The data Block Start

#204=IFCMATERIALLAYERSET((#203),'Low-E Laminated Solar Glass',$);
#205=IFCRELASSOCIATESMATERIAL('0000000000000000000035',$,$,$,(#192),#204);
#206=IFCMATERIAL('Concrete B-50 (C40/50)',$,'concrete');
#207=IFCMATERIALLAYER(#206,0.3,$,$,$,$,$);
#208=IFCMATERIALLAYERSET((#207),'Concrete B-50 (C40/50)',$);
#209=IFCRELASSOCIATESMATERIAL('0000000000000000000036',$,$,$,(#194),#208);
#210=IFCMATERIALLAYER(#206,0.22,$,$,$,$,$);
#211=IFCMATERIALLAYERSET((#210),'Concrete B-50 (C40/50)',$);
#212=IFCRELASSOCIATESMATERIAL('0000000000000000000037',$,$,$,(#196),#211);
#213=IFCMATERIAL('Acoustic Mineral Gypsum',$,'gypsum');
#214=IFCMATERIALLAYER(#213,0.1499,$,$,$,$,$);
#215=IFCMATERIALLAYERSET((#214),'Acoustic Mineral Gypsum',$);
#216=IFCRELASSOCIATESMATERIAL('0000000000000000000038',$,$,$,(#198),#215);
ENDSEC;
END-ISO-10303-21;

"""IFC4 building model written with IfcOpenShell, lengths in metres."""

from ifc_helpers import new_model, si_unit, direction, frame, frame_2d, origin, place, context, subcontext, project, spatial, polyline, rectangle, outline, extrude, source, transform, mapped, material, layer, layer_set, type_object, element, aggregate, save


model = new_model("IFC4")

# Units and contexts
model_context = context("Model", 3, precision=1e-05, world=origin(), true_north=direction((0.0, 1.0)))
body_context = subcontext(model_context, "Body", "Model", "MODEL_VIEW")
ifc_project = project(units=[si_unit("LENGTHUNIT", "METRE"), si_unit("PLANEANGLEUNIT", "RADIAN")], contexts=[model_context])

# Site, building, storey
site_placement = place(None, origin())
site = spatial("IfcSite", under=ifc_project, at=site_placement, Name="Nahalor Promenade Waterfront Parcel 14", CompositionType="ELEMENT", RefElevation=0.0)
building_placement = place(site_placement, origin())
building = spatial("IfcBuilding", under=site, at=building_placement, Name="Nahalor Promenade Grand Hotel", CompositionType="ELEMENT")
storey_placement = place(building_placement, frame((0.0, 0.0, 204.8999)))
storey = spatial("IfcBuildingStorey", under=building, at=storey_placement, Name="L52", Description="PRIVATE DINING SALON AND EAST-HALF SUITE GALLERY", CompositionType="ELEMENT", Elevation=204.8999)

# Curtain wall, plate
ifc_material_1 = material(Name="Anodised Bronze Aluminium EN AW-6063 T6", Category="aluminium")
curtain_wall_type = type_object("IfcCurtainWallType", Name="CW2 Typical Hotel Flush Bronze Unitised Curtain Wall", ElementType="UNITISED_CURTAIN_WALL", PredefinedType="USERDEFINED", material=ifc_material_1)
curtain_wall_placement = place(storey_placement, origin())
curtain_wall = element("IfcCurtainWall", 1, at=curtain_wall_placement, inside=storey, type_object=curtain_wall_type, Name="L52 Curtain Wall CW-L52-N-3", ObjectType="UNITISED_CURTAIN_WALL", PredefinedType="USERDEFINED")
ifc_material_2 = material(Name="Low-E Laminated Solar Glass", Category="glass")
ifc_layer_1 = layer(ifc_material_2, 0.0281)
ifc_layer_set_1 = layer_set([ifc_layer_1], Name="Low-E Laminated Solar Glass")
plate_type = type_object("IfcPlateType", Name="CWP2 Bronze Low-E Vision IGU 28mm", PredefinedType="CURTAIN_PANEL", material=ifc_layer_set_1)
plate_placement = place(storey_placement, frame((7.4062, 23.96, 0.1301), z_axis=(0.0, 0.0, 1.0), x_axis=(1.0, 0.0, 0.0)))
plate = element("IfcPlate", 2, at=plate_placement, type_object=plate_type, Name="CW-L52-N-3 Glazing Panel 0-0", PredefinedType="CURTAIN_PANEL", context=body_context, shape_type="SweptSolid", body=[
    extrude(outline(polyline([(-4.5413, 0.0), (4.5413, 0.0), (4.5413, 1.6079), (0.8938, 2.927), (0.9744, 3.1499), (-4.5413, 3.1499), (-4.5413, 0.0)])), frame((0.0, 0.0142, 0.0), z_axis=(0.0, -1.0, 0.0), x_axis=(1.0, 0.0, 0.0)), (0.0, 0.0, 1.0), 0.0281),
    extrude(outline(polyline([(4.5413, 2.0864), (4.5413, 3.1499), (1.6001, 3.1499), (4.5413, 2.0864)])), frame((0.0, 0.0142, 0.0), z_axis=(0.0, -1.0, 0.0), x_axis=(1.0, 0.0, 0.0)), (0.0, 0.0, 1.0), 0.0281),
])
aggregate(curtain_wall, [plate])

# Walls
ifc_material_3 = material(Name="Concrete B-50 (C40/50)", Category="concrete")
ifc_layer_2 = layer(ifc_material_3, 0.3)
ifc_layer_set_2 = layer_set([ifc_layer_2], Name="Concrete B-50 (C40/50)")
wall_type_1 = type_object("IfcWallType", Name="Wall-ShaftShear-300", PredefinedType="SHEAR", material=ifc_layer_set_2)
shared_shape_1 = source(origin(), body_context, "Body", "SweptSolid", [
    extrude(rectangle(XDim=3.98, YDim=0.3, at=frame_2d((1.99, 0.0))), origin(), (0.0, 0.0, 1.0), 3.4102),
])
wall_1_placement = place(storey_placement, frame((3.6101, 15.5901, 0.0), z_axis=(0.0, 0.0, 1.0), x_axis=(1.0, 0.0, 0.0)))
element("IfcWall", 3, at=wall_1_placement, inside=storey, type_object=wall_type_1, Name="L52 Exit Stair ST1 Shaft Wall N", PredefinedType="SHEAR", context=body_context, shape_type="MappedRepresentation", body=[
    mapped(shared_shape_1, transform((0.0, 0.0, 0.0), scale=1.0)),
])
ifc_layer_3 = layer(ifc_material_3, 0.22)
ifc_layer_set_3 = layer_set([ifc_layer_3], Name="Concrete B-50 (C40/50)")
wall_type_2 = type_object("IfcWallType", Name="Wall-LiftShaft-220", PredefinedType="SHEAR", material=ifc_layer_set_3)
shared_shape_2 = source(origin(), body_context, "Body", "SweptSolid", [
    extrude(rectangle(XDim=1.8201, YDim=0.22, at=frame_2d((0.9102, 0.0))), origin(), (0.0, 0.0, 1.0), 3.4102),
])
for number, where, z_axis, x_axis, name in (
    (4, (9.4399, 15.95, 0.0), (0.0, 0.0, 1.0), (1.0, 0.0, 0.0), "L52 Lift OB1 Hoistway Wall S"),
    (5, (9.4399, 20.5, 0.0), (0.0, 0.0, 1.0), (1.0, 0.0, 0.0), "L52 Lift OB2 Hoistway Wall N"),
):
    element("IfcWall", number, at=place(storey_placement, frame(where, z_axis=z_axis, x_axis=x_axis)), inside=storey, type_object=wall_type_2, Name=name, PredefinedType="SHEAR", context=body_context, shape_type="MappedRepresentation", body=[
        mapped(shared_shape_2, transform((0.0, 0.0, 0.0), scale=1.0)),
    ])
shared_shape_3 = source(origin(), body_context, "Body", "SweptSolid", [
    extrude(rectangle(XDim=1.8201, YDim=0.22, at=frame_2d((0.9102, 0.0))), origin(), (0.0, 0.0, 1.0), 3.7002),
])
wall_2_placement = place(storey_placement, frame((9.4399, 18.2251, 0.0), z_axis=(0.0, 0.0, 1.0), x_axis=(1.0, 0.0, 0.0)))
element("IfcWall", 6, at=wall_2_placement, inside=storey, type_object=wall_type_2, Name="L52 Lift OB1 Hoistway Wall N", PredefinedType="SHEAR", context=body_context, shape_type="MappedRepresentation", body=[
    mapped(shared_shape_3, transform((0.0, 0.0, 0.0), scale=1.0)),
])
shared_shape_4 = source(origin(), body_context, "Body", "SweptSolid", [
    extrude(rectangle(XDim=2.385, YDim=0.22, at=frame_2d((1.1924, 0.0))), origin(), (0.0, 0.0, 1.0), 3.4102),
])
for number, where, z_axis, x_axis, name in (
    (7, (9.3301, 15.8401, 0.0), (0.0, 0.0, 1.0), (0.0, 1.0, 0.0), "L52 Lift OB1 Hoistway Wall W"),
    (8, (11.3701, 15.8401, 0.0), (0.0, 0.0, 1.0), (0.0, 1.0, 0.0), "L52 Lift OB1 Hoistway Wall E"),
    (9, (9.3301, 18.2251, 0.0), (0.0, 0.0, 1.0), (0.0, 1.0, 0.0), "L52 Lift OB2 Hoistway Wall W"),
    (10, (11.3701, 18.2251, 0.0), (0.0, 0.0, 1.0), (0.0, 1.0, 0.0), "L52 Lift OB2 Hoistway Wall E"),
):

The data Block End

- [Task]: Go through the entries above and pull out each line with "Gypsum" in it.

- [Solution]:
#213=IFCMATERIAL('Acoustic Mineral Gypsum',$,'gypsum');
#215=IFCMATERIALLAYERSET((#214),'Acoustic Mineral Gypsum',$);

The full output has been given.